**EXERCISE PROMPT:** Wherever the string "IFCPRODUCTDEFINITIONSHAPE" occurs in a line of these records, report that line.

:::

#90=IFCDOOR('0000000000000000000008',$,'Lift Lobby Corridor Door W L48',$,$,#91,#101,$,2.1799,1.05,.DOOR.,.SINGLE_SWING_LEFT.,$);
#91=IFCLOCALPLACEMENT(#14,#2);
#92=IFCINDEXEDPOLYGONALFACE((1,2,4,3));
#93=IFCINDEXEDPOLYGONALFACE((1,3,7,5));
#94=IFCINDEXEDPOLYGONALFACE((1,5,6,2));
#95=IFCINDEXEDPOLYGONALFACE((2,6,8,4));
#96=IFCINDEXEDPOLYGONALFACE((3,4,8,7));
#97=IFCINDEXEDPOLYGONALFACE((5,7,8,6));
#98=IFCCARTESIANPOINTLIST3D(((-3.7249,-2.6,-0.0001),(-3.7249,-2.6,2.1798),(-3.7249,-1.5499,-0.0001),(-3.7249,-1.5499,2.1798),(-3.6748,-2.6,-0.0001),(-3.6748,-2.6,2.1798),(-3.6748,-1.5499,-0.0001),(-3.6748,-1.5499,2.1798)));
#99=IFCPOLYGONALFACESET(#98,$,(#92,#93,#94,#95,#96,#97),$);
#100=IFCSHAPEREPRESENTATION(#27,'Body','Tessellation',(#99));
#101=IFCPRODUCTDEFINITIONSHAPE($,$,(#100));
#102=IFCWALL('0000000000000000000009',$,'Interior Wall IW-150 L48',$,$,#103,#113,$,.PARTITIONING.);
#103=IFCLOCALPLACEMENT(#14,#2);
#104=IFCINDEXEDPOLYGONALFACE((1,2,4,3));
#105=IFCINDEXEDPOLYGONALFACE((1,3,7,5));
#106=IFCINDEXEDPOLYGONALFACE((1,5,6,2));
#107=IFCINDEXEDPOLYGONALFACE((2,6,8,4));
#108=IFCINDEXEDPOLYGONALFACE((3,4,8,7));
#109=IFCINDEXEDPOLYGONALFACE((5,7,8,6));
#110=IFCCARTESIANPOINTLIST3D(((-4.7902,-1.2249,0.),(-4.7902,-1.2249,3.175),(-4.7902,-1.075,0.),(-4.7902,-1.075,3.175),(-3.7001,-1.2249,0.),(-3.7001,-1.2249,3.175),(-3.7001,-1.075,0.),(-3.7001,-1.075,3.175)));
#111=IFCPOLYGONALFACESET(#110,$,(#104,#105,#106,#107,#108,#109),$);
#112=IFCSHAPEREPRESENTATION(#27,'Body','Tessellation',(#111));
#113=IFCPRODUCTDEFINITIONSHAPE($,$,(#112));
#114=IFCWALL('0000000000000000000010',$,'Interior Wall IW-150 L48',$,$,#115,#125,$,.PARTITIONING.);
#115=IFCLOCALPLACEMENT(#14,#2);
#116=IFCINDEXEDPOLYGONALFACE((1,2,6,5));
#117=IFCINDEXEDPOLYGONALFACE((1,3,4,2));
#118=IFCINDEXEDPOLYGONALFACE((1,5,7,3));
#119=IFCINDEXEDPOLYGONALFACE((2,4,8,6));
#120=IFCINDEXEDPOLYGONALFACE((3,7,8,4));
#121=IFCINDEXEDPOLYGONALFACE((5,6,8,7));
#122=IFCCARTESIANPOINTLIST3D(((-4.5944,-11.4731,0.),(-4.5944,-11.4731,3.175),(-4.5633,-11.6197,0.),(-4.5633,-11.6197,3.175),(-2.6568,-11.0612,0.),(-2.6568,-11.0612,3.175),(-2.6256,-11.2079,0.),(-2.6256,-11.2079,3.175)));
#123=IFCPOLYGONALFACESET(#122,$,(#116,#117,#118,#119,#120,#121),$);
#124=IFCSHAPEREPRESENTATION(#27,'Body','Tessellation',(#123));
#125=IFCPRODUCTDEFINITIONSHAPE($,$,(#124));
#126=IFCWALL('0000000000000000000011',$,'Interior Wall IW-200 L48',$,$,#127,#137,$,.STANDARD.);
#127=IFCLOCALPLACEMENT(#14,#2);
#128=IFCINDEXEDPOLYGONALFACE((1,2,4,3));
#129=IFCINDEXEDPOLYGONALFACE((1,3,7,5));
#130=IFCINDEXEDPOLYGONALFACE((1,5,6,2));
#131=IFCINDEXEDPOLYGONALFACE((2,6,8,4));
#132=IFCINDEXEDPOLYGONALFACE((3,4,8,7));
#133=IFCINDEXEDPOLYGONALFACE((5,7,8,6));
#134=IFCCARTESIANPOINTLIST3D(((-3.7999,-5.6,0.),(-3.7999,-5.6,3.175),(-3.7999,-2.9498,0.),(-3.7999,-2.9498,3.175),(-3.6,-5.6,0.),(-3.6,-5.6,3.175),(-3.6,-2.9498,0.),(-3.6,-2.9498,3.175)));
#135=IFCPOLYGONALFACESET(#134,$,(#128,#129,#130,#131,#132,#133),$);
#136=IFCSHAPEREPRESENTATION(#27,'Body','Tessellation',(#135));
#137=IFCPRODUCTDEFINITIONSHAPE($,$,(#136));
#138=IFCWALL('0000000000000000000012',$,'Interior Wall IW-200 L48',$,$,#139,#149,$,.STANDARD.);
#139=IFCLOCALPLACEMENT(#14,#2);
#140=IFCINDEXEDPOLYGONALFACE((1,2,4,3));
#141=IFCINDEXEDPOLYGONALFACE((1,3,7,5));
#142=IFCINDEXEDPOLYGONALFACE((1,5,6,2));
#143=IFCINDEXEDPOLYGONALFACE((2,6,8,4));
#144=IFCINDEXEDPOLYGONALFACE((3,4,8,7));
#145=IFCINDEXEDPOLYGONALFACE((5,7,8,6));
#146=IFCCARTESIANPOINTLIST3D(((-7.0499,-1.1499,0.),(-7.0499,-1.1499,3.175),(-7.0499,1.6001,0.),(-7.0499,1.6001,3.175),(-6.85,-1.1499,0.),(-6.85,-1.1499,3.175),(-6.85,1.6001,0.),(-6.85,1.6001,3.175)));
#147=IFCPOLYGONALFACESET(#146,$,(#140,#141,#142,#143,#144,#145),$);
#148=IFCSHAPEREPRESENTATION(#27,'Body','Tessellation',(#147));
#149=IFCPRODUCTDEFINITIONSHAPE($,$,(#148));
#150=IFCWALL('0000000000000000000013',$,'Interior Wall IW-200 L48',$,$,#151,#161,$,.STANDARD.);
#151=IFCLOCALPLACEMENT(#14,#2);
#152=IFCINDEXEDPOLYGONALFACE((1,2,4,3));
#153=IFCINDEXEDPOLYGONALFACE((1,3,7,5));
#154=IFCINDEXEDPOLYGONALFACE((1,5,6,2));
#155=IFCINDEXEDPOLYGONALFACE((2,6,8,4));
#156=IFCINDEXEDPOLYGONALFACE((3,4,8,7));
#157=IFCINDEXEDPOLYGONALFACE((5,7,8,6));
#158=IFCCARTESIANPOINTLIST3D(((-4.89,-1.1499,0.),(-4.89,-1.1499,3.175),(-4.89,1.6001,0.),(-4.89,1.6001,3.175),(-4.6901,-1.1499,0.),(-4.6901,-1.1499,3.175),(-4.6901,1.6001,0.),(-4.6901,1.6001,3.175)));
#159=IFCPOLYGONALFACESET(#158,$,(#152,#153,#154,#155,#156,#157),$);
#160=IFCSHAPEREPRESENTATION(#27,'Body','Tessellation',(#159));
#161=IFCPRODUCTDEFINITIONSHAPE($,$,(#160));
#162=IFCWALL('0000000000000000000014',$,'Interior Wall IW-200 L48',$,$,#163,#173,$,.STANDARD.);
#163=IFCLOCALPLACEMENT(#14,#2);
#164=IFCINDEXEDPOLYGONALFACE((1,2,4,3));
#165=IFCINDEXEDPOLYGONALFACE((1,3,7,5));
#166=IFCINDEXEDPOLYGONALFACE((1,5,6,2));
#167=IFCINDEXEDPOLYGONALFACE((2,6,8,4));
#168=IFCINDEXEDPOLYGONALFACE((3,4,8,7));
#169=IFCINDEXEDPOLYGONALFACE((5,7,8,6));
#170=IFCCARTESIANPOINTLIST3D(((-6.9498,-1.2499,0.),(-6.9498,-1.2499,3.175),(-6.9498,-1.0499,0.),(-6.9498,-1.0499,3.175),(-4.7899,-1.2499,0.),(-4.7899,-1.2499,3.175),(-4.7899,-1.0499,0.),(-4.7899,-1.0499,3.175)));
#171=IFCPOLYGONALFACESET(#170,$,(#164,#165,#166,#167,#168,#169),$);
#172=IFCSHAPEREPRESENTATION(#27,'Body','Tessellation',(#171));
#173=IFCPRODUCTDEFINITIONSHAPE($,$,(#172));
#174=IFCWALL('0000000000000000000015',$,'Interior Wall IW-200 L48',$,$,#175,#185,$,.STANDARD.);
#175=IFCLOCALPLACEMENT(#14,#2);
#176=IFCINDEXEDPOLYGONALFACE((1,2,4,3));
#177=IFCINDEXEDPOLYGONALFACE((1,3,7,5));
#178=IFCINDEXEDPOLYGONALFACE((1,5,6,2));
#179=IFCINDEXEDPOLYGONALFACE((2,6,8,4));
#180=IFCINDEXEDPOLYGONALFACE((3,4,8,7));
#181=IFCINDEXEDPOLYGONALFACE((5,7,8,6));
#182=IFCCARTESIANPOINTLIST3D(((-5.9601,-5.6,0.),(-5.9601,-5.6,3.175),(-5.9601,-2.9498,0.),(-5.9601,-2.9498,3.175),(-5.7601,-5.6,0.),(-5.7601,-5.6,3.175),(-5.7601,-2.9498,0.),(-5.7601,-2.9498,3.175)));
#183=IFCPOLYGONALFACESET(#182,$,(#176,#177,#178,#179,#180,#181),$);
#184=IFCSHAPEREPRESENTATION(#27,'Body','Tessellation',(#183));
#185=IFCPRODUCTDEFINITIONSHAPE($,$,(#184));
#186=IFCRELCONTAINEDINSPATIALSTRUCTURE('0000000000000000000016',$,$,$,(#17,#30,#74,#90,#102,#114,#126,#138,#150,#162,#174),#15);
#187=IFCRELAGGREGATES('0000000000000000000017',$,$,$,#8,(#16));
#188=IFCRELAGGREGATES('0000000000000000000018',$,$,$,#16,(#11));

:::

**EXERCISE RESPONSE:**
#101=IFCPRODUCTDEFINITIONSHAPE($,$,(#100));
#113=IFCPRODUCTDEFINITIONSHAPE($,$,(#112));
#125=IFCPRODUCTDEFINITIONSHAPE($,$,(#124));
#137=IFCPRODUCTDEFINITIONSHAPE($,$,(#136));
#149=IFCPRODUCTDEFINITIONSHAPE($,$,(#148));
#161=IFCPRODUCTDEFINITIONSHAPE($,$,(#160));
#173=IFCPRODUCTDEFINITIONSHAPE($,$,(#172));
#185=IFCPRODUCTDEFINITIONSHAPE($,$,(#184));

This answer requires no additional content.